Please say how many lines in the records below contain the word "source", giving only the number.

Collected data:

::::

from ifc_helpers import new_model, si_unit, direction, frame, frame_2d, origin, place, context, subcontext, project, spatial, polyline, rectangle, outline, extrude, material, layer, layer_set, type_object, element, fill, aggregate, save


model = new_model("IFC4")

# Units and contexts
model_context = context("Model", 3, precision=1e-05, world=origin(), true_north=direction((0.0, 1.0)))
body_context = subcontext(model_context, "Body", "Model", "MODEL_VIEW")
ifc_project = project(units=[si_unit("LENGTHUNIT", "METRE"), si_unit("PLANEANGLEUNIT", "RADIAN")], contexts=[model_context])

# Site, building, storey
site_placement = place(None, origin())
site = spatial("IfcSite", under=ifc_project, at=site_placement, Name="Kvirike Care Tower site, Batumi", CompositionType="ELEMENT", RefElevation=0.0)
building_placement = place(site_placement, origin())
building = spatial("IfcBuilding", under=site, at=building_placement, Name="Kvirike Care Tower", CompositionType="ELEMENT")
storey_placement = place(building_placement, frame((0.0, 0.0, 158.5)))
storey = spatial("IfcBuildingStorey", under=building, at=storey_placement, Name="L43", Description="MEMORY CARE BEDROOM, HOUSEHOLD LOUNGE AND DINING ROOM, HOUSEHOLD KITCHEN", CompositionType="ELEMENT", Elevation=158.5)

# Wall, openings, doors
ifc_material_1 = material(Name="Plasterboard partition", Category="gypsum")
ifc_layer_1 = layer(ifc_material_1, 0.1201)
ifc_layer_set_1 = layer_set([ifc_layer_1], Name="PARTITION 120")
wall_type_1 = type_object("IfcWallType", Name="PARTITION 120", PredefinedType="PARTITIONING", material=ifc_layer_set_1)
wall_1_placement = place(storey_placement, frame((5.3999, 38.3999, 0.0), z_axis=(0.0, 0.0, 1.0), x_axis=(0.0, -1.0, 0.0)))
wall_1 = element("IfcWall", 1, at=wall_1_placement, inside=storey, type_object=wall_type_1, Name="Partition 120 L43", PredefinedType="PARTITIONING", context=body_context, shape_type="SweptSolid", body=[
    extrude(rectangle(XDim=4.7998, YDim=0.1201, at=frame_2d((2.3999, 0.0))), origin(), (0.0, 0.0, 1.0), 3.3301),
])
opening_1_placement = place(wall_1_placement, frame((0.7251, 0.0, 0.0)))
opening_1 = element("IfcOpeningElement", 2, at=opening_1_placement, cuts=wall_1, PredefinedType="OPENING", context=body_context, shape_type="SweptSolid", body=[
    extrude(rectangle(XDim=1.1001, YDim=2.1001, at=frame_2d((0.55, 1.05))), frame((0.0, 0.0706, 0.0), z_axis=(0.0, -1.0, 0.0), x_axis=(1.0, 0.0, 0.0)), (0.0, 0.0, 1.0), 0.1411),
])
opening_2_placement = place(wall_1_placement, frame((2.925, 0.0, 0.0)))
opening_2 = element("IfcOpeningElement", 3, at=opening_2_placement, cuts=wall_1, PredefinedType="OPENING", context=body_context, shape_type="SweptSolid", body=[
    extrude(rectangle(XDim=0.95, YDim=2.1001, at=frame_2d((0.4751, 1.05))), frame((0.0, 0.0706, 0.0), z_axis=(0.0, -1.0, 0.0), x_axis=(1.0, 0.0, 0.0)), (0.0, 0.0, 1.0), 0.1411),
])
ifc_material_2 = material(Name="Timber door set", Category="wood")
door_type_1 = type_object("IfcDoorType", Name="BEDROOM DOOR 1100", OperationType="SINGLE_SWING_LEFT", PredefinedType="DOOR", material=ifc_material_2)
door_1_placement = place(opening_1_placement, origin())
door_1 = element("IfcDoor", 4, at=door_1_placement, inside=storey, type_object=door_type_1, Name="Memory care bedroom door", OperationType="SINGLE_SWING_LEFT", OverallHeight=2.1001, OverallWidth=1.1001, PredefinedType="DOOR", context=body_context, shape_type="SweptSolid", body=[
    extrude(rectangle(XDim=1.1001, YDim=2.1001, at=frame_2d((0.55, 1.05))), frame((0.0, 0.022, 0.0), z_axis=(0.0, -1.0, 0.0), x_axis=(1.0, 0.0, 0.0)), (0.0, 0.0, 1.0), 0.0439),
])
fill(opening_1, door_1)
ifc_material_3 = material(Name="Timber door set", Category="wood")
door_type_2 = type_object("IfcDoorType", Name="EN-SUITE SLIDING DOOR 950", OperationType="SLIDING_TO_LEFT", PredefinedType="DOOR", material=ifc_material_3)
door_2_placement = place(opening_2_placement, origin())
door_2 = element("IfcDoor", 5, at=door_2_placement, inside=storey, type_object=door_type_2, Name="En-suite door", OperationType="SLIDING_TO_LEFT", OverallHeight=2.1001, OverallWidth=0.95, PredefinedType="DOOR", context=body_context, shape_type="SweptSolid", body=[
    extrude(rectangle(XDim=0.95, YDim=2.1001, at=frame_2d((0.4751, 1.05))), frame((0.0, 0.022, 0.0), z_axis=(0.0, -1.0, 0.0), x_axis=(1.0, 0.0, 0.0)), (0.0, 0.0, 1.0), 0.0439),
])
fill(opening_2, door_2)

::::

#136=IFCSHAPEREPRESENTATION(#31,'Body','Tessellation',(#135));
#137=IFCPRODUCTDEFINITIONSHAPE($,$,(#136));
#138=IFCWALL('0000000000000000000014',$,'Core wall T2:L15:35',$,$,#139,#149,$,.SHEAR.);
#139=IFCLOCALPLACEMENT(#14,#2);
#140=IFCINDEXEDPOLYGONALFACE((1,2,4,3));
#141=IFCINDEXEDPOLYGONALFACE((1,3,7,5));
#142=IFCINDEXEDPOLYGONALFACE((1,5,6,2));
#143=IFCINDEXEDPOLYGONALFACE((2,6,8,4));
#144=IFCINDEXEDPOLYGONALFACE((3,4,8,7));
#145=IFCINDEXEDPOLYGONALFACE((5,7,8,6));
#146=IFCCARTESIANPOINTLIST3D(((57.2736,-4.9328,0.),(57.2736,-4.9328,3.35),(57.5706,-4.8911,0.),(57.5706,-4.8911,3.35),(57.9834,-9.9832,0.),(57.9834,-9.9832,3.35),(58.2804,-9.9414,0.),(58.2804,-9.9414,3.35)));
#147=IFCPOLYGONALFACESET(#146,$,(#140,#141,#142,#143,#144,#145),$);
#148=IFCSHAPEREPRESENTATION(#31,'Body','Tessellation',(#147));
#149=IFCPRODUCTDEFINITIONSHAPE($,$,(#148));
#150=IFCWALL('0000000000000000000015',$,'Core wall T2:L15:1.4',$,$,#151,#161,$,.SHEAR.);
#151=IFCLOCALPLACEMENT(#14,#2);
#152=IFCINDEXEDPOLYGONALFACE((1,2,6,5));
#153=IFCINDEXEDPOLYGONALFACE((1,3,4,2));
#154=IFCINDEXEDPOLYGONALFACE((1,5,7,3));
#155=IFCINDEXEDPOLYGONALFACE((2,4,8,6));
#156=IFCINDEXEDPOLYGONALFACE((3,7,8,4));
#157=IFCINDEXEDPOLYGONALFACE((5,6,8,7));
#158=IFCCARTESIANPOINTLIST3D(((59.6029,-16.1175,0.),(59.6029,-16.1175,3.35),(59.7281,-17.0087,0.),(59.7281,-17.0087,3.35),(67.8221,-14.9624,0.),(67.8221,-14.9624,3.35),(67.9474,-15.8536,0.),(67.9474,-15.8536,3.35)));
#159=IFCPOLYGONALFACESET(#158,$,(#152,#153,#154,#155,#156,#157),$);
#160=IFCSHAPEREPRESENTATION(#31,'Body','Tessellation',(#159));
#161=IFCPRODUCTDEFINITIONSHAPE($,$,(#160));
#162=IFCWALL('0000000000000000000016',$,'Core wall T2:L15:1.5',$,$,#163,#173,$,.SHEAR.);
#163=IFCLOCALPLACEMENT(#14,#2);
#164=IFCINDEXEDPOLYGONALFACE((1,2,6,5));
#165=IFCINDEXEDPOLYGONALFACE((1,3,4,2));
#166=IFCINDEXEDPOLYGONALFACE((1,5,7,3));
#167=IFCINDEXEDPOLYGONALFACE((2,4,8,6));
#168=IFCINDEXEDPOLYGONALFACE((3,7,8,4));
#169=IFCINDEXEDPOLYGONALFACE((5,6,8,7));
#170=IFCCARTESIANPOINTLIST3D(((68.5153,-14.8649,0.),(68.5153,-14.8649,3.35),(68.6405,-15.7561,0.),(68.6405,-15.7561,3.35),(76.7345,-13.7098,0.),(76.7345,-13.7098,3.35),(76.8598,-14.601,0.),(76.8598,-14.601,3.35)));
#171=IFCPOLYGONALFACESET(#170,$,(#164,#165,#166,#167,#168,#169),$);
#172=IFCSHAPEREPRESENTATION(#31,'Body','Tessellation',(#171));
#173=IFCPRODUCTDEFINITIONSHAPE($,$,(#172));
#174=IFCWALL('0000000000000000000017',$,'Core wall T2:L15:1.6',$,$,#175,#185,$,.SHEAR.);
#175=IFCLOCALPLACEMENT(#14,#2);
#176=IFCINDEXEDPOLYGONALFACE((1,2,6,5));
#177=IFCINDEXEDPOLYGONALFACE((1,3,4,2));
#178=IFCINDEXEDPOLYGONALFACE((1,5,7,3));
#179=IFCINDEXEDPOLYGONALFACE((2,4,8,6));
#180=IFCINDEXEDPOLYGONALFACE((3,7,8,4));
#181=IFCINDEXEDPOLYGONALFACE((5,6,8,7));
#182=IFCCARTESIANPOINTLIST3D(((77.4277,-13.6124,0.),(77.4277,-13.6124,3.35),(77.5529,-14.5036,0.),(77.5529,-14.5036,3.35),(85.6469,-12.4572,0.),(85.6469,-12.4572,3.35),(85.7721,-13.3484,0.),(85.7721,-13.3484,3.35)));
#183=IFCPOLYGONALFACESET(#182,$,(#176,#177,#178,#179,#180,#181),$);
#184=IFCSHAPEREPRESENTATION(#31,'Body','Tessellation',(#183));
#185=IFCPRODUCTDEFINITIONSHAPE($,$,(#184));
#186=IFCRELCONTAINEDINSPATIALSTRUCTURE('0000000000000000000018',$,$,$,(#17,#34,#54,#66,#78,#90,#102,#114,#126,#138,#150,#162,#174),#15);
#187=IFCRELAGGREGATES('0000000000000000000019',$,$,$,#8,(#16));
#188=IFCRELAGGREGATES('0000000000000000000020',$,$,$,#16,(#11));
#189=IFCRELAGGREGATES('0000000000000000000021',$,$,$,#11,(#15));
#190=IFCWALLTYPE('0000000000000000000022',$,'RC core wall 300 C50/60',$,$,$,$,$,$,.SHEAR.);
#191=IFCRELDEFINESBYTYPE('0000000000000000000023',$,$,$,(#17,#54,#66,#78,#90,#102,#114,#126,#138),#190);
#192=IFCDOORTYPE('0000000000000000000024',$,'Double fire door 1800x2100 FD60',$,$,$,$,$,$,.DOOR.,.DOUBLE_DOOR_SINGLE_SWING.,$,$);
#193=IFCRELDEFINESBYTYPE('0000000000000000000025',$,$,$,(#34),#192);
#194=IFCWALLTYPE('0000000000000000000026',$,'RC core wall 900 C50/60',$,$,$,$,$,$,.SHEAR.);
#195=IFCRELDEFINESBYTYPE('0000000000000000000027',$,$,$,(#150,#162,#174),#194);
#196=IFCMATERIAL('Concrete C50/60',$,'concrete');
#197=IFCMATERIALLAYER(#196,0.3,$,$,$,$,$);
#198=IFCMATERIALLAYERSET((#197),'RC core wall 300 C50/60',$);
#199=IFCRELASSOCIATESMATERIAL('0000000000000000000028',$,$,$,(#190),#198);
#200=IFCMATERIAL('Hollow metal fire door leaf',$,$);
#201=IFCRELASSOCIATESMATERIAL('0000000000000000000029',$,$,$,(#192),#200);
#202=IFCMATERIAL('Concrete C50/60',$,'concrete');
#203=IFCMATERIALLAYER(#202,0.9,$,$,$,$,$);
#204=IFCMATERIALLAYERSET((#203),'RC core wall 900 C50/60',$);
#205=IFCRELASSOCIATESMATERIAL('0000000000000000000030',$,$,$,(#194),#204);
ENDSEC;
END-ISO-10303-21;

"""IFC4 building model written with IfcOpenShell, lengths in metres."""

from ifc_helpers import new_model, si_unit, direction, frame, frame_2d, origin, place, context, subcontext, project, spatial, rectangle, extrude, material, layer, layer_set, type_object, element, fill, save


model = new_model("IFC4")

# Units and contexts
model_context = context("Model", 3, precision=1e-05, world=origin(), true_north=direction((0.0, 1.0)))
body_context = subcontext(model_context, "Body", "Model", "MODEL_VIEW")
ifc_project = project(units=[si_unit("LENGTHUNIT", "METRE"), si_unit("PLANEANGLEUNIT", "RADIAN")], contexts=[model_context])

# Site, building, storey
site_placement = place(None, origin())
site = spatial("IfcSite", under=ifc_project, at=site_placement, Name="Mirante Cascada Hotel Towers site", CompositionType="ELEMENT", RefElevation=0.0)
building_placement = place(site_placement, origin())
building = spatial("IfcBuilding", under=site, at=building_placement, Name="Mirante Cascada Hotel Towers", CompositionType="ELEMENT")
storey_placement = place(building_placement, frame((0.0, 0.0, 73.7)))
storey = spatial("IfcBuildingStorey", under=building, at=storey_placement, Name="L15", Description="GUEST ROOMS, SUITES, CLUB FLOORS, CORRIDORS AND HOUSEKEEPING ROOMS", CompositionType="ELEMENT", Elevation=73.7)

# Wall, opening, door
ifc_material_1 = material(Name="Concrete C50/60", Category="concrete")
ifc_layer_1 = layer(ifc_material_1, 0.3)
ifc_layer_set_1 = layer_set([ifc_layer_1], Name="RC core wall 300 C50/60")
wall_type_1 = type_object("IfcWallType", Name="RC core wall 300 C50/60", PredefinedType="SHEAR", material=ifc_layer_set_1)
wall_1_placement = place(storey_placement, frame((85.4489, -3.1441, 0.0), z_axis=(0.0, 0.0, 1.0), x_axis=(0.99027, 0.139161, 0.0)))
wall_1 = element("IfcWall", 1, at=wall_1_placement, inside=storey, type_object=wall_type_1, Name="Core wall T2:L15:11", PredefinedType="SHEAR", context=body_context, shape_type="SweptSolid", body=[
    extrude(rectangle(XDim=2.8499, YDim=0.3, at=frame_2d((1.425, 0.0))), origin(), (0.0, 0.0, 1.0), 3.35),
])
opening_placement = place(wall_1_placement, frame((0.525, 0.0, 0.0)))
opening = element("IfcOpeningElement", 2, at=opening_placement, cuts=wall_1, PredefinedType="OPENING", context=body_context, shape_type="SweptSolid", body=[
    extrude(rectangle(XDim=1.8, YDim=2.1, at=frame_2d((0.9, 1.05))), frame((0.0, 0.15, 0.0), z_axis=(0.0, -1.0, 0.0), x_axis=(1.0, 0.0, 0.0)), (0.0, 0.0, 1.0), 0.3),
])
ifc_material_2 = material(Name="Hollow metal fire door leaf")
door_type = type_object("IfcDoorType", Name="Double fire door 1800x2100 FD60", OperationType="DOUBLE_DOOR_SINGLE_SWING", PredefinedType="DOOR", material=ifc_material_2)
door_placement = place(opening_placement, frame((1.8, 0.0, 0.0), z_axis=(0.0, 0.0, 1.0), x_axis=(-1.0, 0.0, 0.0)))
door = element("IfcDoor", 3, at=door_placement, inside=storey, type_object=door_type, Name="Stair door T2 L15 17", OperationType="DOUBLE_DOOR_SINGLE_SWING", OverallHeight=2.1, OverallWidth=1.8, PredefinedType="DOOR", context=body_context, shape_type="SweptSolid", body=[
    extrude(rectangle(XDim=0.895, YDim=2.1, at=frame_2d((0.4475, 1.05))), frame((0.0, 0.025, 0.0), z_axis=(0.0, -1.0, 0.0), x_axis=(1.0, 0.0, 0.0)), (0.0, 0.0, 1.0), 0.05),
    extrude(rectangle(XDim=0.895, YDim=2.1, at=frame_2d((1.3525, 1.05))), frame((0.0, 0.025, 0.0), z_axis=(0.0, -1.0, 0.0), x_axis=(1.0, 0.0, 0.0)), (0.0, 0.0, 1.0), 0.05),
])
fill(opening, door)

::::

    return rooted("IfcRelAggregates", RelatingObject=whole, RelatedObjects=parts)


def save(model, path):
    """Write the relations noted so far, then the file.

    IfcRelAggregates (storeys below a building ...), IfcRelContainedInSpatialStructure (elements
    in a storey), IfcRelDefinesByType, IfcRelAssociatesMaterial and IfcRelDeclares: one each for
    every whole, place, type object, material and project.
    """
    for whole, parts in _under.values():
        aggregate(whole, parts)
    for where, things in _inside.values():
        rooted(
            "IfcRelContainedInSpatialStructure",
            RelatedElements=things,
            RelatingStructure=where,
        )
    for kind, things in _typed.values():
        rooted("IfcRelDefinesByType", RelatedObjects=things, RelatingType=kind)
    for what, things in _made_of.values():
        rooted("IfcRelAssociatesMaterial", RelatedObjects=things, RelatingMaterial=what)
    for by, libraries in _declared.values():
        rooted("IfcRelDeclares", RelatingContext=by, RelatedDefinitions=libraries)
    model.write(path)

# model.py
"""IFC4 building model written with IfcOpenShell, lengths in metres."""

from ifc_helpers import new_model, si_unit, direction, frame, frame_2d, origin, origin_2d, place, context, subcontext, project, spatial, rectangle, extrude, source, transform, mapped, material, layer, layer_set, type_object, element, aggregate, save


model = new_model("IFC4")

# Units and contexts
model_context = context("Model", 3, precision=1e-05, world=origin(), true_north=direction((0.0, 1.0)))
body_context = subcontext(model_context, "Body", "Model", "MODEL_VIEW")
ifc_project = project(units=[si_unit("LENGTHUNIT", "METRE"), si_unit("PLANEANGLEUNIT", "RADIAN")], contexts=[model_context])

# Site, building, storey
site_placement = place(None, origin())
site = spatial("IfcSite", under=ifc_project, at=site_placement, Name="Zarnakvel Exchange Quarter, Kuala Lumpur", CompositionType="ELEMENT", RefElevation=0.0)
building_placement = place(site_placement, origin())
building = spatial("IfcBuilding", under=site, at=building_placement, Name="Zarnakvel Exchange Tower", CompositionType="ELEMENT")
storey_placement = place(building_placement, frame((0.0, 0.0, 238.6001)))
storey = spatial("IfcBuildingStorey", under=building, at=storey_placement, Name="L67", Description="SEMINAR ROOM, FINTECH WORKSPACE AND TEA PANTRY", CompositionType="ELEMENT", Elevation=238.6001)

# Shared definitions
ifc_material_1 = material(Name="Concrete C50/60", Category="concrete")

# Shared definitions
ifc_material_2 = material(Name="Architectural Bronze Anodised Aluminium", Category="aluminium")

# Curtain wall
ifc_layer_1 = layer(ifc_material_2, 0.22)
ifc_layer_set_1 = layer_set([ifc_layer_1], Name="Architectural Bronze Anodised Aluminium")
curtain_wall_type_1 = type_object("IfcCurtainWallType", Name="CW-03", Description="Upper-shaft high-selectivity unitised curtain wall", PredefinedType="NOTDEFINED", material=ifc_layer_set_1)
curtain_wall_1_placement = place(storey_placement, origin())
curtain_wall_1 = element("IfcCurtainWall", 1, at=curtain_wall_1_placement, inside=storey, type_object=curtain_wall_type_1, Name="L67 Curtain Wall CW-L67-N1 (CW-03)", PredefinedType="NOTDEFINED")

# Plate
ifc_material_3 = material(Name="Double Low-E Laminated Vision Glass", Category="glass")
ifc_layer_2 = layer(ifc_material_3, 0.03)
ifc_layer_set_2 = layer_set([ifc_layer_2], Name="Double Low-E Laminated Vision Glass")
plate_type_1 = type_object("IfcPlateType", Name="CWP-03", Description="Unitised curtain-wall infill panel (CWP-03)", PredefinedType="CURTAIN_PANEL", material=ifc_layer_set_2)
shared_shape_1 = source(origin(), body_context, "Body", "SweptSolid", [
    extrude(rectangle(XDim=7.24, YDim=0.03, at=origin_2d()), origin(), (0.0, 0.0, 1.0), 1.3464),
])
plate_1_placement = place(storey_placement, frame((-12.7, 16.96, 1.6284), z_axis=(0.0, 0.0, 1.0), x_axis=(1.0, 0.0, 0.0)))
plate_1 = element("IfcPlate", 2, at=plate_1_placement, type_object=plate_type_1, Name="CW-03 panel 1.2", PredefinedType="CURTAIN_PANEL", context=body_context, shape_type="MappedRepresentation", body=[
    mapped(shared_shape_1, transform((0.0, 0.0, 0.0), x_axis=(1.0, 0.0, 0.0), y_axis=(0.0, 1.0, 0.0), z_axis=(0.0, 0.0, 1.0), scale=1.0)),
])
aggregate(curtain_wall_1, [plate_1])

::::

* Solved exercise *
2